▶ Prompt
Please return all lines from the records below that include the string "Fire".

▶ Extracted records
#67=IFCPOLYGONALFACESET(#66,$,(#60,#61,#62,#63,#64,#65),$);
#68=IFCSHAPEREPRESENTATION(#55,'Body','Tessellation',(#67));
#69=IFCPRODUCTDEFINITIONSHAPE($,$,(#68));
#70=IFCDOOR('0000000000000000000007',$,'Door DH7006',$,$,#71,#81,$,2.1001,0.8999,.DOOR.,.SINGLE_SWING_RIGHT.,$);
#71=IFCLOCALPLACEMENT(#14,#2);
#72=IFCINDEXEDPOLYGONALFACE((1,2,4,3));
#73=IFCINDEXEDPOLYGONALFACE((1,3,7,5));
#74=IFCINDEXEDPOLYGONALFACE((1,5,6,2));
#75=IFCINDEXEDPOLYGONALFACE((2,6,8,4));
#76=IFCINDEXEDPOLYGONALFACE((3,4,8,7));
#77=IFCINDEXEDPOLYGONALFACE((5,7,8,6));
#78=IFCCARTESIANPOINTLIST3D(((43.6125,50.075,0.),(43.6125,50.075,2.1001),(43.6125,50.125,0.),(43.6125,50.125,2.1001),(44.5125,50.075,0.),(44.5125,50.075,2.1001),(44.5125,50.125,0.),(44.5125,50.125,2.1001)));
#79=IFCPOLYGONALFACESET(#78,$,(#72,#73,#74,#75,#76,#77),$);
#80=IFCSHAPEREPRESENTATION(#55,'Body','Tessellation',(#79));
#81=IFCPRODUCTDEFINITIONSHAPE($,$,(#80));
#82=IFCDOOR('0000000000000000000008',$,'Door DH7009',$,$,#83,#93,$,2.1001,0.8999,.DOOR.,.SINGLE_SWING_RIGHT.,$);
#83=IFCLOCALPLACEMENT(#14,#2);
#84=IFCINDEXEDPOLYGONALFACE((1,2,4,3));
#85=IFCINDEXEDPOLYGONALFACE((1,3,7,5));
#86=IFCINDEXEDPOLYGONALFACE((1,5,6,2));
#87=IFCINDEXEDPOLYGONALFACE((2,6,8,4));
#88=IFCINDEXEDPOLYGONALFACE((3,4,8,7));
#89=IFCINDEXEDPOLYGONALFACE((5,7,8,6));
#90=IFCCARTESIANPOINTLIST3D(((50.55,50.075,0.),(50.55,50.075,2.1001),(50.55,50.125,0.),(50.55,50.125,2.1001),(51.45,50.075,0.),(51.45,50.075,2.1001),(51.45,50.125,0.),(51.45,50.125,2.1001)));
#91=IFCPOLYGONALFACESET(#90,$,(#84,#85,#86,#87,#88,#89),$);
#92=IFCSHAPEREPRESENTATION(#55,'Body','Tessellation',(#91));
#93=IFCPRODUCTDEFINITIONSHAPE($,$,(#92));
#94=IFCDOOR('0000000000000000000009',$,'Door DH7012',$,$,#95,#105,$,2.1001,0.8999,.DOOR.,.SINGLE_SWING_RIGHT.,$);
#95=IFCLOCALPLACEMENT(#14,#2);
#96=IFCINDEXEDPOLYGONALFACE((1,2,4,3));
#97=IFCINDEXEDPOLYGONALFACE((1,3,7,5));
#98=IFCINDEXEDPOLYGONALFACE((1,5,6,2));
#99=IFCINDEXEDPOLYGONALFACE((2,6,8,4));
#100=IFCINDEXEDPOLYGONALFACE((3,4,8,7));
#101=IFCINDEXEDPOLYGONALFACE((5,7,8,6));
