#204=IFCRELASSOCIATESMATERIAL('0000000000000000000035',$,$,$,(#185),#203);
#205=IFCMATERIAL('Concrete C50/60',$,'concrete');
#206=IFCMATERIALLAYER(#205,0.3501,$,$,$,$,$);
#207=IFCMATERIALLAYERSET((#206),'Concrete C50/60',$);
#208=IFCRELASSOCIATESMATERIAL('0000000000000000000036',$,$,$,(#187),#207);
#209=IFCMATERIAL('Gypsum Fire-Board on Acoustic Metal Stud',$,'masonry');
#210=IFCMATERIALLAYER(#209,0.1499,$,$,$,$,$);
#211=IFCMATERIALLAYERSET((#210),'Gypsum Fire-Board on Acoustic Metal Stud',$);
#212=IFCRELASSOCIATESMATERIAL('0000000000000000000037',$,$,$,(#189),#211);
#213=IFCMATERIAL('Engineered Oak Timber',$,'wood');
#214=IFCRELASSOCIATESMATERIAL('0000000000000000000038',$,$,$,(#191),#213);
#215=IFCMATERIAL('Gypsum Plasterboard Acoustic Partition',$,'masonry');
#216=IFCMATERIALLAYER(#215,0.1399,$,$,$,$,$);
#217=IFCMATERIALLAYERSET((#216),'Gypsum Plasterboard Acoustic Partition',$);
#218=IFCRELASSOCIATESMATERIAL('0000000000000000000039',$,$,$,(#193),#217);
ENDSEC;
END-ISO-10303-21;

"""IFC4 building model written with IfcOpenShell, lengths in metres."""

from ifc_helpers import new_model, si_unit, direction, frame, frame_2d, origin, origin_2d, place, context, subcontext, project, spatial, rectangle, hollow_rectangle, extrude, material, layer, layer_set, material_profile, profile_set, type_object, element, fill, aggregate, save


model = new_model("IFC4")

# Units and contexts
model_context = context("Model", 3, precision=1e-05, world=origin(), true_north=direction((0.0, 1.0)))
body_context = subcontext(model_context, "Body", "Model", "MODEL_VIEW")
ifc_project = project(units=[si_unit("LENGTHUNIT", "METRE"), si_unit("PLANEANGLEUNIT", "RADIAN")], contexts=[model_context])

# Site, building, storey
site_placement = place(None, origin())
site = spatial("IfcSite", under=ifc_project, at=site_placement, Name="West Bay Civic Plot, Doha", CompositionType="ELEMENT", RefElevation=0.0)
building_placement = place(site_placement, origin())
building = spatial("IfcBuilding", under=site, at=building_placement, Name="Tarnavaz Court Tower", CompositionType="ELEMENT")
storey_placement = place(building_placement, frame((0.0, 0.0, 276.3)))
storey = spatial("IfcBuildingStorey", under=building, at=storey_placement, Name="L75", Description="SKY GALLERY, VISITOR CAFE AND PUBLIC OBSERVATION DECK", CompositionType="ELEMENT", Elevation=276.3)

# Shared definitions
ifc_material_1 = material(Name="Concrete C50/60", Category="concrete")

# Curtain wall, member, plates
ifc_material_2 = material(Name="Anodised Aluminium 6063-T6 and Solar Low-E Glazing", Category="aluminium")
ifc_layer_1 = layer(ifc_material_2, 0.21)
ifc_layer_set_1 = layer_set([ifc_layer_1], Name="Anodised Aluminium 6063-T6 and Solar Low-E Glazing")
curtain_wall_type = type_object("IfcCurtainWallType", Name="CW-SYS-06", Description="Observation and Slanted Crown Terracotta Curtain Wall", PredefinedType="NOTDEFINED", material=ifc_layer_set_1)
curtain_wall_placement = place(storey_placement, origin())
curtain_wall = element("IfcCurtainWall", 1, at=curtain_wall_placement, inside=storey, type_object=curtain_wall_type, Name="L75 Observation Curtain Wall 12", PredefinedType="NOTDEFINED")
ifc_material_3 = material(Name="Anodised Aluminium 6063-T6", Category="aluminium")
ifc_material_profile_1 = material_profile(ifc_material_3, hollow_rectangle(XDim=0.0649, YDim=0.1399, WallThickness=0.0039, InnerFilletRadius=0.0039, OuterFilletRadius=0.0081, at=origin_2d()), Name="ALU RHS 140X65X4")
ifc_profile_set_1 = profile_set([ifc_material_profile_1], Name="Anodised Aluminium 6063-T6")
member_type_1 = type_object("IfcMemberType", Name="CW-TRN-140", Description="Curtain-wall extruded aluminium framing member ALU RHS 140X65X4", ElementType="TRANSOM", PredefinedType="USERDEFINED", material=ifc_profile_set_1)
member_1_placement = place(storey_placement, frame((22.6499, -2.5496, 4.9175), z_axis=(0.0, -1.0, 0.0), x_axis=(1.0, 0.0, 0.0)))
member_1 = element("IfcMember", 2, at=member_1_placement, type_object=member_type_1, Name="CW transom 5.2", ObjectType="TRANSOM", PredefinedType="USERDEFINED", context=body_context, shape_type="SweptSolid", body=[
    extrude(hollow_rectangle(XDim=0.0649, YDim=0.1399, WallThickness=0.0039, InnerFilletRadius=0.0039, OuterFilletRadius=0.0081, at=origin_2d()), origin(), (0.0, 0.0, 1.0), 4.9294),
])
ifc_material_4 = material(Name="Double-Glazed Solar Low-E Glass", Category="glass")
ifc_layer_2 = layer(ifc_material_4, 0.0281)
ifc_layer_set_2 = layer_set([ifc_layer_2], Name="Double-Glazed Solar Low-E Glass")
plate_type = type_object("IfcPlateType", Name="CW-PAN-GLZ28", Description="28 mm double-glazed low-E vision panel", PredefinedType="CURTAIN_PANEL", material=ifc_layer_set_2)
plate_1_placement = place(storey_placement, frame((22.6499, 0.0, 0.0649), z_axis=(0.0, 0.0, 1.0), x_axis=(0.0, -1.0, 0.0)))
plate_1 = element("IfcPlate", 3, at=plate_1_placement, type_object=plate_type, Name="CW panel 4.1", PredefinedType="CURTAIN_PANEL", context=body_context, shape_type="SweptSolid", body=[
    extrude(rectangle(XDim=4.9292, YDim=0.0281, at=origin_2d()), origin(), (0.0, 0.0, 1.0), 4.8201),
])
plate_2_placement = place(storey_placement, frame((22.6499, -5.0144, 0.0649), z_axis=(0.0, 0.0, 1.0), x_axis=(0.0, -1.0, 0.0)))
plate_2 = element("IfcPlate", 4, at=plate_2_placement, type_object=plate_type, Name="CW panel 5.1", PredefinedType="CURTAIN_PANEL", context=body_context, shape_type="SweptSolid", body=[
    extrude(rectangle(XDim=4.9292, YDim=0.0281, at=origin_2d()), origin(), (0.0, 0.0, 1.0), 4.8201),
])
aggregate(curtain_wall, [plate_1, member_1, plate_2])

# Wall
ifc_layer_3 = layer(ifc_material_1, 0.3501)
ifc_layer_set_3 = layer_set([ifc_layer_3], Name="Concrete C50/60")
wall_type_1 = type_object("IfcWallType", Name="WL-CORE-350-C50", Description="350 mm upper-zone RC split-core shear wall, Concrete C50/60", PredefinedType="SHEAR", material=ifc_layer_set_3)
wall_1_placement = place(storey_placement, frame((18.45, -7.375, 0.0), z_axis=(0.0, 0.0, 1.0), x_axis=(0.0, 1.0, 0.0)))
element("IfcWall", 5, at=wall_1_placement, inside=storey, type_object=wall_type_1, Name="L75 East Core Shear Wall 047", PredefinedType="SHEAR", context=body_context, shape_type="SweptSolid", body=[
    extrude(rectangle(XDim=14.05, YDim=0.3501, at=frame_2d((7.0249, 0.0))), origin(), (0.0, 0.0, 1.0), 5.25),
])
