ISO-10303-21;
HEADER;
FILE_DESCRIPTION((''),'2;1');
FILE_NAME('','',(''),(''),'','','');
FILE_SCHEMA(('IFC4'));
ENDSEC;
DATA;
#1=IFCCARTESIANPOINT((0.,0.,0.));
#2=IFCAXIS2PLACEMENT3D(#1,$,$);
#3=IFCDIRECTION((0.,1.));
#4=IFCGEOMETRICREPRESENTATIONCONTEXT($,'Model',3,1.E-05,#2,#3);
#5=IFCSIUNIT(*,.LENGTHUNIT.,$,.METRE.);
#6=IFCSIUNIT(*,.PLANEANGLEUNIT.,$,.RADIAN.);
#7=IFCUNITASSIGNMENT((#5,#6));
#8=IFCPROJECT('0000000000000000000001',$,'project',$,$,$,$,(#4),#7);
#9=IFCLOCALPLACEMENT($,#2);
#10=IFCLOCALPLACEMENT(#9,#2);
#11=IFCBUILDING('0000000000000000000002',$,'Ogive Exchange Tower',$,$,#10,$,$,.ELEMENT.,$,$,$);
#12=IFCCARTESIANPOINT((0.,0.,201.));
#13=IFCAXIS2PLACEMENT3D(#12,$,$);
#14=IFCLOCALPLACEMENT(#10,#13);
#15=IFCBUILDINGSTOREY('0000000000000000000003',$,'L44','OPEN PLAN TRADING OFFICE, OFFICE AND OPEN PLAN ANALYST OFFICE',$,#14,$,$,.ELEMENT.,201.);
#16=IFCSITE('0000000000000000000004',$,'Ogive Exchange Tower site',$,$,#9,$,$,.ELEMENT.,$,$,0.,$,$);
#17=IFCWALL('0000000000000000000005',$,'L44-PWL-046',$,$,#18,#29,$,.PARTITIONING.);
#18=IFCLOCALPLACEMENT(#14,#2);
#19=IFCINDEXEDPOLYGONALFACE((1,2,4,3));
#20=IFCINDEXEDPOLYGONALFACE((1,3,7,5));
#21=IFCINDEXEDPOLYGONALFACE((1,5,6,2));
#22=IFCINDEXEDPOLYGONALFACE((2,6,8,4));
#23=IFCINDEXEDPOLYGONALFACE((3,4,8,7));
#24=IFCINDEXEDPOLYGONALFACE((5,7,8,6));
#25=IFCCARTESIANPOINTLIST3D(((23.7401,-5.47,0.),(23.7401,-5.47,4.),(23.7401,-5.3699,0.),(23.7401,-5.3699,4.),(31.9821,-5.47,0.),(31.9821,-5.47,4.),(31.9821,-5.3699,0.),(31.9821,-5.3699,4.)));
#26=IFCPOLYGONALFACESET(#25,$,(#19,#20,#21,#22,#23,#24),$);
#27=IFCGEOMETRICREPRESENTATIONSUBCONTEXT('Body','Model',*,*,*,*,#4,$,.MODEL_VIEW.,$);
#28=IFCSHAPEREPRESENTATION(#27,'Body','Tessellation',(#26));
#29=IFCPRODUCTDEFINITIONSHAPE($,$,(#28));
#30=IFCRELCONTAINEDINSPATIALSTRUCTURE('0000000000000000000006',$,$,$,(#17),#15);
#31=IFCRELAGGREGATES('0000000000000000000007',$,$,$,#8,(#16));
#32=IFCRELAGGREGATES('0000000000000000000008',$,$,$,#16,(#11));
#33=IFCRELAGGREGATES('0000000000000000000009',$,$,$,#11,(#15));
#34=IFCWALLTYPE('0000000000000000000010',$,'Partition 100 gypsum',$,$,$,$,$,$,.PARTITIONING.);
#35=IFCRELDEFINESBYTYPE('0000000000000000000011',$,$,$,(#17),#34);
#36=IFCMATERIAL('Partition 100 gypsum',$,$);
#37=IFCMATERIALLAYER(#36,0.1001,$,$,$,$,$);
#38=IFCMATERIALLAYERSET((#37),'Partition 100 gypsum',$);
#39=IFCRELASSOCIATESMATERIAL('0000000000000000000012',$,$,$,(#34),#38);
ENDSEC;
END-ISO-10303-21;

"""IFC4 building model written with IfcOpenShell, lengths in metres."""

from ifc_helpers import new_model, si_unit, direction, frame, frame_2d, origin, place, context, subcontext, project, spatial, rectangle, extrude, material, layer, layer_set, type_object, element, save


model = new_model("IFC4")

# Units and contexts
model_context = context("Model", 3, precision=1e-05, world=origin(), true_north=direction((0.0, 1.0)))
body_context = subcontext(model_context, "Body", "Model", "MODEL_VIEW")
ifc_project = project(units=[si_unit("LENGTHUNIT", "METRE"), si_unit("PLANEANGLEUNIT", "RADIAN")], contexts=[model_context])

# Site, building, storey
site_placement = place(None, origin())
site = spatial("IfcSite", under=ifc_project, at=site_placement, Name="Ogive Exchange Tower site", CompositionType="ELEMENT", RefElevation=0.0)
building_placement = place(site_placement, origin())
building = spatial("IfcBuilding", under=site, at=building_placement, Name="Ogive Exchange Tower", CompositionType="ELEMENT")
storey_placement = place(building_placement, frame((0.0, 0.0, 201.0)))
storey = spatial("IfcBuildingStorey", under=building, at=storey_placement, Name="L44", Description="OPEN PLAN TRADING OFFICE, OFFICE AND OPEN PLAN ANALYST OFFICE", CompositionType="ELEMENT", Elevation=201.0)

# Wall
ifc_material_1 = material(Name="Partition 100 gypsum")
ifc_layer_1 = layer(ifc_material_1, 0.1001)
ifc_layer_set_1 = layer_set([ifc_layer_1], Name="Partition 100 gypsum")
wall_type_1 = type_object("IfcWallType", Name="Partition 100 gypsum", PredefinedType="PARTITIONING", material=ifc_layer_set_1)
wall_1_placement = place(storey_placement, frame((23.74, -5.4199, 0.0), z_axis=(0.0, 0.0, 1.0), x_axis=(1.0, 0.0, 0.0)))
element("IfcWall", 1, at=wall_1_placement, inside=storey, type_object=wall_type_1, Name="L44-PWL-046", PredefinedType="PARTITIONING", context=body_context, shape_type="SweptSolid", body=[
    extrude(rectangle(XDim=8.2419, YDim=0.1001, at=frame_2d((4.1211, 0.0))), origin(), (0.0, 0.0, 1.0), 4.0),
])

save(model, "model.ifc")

==

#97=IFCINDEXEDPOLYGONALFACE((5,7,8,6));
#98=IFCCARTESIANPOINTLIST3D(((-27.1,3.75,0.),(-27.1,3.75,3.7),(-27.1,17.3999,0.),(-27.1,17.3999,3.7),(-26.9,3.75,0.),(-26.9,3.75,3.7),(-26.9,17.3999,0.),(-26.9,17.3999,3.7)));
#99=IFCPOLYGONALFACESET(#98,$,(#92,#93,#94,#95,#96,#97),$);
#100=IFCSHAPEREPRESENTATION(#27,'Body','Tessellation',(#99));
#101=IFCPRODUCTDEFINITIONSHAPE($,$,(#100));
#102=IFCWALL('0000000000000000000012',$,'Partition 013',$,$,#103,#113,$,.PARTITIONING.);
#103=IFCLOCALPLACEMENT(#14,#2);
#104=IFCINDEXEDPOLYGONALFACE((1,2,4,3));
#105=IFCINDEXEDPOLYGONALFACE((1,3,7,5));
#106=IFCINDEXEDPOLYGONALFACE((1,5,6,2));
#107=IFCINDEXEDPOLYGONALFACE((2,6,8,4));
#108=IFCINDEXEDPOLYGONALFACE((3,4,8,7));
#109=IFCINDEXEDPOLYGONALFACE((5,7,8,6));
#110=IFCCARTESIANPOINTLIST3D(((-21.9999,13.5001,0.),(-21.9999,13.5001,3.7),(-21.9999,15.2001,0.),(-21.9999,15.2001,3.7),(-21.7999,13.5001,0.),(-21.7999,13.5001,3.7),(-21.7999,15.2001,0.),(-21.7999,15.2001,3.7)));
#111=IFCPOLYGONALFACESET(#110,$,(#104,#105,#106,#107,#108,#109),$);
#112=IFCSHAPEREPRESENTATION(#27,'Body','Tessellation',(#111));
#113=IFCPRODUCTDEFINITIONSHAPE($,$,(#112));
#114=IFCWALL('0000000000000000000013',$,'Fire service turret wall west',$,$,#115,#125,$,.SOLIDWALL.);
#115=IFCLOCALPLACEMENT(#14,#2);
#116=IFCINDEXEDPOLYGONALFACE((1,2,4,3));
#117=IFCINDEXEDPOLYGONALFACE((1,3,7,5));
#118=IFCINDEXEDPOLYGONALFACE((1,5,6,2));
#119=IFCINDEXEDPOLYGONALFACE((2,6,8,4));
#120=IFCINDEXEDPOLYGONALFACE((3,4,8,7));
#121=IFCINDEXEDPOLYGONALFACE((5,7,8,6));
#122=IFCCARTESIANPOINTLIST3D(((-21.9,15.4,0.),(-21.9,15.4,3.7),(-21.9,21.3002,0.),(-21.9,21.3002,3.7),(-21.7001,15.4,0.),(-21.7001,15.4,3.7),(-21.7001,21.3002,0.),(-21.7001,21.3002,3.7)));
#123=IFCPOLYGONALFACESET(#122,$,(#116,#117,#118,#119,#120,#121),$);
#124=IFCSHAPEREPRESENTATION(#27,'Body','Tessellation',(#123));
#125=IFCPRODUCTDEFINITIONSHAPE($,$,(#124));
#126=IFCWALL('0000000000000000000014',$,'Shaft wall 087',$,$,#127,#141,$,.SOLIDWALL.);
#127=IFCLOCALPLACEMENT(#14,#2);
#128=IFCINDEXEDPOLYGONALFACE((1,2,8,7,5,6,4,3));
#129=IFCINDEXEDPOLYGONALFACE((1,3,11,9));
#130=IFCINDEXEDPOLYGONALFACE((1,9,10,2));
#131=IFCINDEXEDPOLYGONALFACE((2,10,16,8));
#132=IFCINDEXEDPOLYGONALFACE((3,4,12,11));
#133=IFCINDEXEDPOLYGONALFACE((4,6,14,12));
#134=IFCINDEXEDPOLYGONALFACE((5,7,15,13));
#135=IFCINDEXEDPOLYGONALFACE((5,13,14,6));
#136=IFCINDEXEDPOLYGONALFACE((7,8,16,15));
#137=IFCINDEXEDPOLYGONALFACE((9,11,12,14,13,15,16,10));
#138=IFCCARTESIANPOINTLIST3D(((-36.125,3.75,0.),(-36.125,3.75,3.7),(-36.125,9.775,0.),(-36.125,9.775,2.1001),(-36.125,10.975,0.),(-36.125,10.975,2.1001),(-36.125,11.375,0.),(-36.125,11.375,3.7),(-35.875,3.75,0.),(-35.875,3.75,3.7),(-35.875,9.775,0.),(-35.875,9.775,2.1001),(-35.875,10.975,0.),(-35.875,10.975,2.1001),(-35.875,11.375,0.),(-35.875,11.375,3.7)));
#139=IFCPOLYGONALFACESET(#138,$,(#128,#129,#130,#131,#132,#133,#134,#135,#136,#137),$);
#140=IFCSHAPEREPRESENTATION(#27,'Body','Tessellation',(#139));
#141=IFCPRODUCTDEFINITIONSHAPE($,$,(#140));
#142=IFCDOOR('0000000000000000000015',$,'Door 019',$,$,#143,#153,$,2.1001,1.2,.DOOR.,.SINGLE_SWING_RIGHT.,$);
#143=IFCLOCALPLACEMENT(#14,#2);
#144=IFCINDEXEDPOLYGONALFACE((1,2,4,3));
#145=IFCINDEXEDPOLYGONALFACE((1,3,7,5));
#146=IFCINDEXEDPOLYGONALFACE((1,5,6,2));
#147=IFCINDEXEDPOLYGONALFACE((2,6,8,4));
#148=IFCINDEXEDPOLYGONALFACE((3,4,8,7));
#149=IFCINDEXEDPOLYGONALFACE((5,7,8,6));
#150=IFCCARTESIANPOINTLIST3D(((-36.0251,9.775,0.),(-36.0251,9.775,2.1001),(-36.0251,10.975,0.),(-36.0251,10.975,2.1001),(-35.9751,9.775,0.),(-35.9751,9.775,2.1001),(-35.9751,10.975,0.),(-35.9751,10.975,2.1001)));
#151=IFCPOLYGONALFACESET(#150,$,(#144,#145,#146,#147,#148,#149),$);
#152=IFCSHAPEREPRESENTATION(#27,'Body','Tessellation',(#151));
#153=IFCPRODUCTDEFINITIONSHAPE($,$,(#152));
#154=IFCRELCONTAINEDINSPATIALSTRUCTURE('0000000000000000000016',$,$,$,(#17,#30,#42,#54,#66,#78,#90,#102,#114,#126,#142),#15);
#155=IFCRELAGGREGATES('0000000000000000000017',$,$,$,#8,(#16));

▶ Result for this task
#209=IFCMATERIAL('Gypsum Fire-Board on Acoustic Metal Stud',$,'masonry');
#211=IFCMATERIALLAYERSET((#210),'Gypsum Fire-Board on Acoustic Metal Stud',$);
#114=IFCWALL('0000000000000000000013',$,'Fire service turret wall west',$,$,#115,#125,$,.SOLIDWALL.);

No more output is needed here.